╭─ Data

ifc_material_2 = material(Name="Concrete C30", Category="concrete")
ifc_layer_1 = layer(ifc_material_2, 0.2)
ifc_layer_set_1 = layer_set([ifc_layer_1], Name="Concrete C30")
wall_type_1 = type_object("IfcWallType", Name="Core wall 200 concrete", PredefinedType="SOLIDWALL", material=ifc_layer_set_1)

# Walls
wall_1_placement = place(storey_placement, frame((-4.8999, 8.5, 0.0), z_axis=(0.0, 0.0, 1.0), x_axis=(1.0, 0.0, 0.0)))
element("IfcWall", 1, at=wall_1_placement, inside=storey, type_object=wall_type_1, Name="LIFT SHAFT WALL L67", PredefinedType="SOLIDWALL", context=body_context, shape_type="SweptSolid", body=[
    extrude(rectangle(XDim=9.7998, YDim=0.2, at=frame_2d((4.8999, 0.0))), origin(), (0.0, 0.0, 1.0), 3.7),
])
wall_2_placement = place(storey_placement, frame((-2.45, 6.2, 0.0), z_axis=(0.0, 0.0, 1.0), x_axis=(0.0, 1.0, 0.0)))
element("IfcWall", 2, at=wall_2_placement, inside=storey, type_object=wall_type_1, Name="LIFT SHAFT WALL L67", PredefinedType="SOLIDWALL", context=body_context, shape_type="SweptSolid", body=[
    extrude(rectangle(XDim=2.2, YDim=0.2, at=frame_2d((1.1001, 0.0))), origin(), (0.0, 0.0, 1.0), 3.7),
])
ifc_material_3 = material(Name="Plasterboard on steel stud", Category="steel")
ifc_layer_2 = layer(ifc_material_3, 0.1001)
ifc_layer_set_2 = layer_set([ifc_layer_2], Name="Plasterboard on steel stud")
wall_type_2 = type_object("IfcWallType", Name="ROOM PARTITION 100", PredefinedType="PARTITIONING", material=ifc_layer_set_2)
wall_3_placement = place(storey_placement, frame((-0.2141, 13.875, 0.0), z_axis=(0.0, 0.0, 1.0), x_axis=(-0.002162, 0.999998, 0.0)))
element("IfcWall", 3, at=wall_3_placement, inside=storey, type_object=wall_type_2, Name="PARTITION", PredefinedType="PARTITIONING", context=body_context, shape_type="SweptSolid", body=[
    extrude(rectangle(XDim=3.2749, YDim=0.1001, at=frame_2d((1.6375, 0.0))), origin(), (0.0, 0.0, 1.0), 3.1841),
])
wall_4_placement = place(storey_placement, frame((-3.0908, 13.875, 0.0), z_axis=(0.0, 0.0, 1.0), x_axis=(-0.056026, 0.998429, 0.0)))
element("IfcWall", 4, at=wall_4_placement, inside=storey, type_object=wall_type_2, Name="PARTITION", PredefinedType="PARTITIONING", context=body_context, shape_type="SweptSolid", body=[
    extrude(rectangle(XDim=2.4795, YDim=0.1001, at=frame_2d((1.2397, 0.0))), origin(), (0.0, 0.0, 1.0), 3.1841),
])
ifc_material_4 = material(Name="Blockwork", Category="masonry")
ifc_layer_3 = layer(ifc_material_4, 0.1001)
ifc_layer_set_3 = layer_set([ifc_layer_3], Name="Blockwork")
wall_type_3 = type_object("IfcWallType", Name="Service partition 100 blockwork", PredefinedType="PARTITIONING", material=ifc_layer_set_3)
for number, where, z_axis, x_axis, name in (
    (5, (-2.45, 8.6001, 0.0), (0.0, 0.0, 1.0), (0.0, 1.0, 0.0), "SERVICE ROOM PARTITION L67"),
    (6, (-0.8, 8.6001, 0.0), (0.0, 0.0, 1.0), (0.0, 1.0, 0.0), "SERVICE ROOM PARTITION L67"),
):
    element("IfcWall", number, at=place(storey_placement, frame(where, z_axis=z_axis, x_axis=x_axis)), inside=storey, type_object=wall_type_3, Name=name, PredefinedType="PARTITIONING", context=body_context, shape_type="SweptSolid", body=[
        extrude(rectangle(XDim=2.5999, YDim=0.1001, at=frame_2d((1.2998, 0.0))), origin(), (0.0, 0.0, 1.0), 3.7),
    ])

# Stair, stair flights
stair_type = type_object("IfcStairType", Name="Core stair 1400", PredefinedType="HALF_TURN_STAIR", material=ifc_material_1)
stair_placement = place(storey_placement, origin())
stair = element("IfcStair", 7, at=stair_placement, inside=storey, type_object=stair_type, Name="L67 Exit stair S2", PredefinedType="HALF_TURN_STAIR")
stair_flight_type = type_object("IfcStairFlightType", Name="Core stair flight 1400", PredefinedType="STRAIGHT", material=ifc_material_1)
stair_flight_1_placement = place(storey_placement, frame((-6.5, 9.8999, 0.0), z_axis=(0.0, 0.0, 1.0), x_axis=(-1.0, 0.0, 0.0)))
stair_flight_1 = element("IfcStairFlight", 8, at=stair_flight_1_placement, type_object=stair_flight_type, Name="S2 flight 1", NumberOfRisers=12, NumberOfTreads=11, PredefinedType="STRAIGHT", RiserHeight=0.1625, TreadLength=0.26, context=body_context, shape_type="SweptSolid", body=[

╰─

All of the records are to be reproduced exactly as they were given.

**Task output**:
ifc_material_2 = material(Name="Concrete C30", Category="concrete")
ifc_layer_1 = layer(ifc_material_2, 0.2)
ifc_layer_set_1 = layer_set([ifc_layer_1], Name="Concrete C30")
wall_type_1 = type_object("IfcWallType", Name="Core wall 200 concrete", PredefinedType="SOLIDWALL", material=ifc_layer_set_1)

# Walls
wall_1_placement = place(storey_placement, frame((-4.8999, 8.5, 0.0), z_axis=(0.0, 0.0, 1.0), x_axis=(1.0, 0.0, 0.0)))
element("IfcWall", 1, at=wall_1_placement, inside=storey, type_object=wall_type_1, Name="LIFT SHAFT WALL L67", PredefinedType="SOLIDWALL", context=body_context, shape_type="SweptSolid", body=[
    extrude(rectangle(XDim=9.7998, YDim=0.2, at=frame_2d((4.8999, 0.0))), origin(), (0.0, 0.0, 1.0), 3.7),
])
wall_2_placement = place(storey_placement, frame((-2.45, 6.2, 0.0), z_axis=(0.0, 0.0, 1.0), x_axis=(0.0, 1.0, 0.0)))
element("IfcWall", 2, at=wall_2_placement, inside=storey, type_object=wall_type_1, Name="LIFT SHAFT WALL L67", PredefinedType="SOLIDWALL", context=body_context, shape_type="SweptSolid", body=[
    extrude(rectangle(XDim=2.2, YDim=0.2, at=frame_2d((1.1001, 0.0))), origin(), (0.0, 0.0, 1.0), 3.7),
])
ifc_material_3 = material(Name="Plasterboard on steel stud", Category="steel")
ifc_layer_2 = layer(ifc_material_3, 0.1001)
ifc_layer_set_2 = layer_set([ifc_layer_2], Name="Plasterboard on steel stud")
wall_type_2 = type_object("IfcWallType", Name="ROOM PARTITION 100", PredefinedType="PARTITIONING", material=ifc_layer_set_2)
wall_3_placement = place(storey_placement, frame((-0.2141, 13.875, 0.0), z_axis=(0.0, 0.0, 1.0), x_axis=(-0.002162, 0.999998, 0.0)))
element("IfcWall", 3, at=wall_3_placement, inside=storey, type_object=wall_type_2, Name="PARTITION", PredefinedType="PARTITIONING", context=body_context, shape_type="SweptSolid", body=[
    extrude(rectangle(XDim=3.2749, YDim=0.1001, at=frame_2d((1.6375, 0.0))), origin(), (0.0, 0.0, 1.0), 3.1841),
])
wall_4_placement = place(storey_placement, frame((-3.0908, 13.875, 0.0), z_axis=(0.0, 0.0, 1.0), x_axis=(-0.056026, 0.998429, 0.0)))
element("IfcWall", 4, at=wall_4_placement, inside=storey, type_object=wall_type_2, Name="PARTITION", PredefinedType="PARTITIONING", context=body_context, shape_type="SweptSolid", body=[
    extrude(rectangle(XDim=2.4795, YDim=0.1001, at=frame_2d((1.2397, 0.0))), origin(), (0.0, 0.0, 1.0), 3.1841),
])
ifc_material_4 = material(Name="Blockwork", Category="masonry")
ifc_layer_3 = layer(ifc_material_4, 0.1001)
ifc_layer_set_3 = layer_set([ifc_layer_3], Name="Blockwork")
wall_type_3 = type_object("IfcWallType", Name="Service partition 100 blockwork", PredefinedType="PARTITIONING", material=ifc_layer_set_3)
for number, where, z_axis, x_axis, name in (
    (5, (-2.45, 8.6001, 0.0), (0.0, 0.0, 1.0), (0.0, 1.0, 0.0), "SERVICE ROOM PARTITION L67"),
    (6, (-0.8, 8.6001, 0.0), (0.0, 0.0, 1.0), (0.0, 1.0, 0.0), "SERVICE ROOM PARTITION L67"),
):
    element("IfcWall", number, at=place(storey_placement, frame(where, z_axis=z_axis, x_axis=x_axis)), inside=storey, type_object=wall_type_3, Name=name, PredefinedType="PARTITIONING", context=body_context, shape_type="SweptSolid", body=[
        extrude(rectangle(XDim=2.5999, YDim=0.1001, at=frame_2d((1.2998, 0.0))), origin(), (0.0, 0.0, 1.0), 3.7),
    ])

# Stair, stair flights
stair_type = type_object("IfcStairType", Name="Core stair 1400", PredefinedType="HALF_TURN_STAIR", material=ifc_material_1)
stair_placement = place(storey_placement, origin())
stair = element("IfcStair", 7, at=stair_placement, inside=storey, type_object=stair_type, Name="L67 Exit stair S2", PredefinedType="HALF_TURN_STAIR")
stair_flight_type = type_object("IfcStairFlightType", Name="Core stair flight 1400", PredefinedType="STRAIGHT", material=ifc_material_1)
stair_flight_1_placement = place(storey_placement, frame((-6.5, 9.8999, 0.0), z_axis=(0.0, 0.0, 1.0), x_axis=(-1.0, 0.0, 0.0)))
stair_flight_1 = element("IfcStairFlight", 8, at=stair_flight_1_placement, type_object=stair_flight_type, Name="S2 flight 1", NumberOfRisers=12, NumberOfTreads=11, PredefinedType="STRAIGHT", RiserHeight=0.1625, TreadLength=0.26, context=body_context, shape_type="SweptSolid", body=[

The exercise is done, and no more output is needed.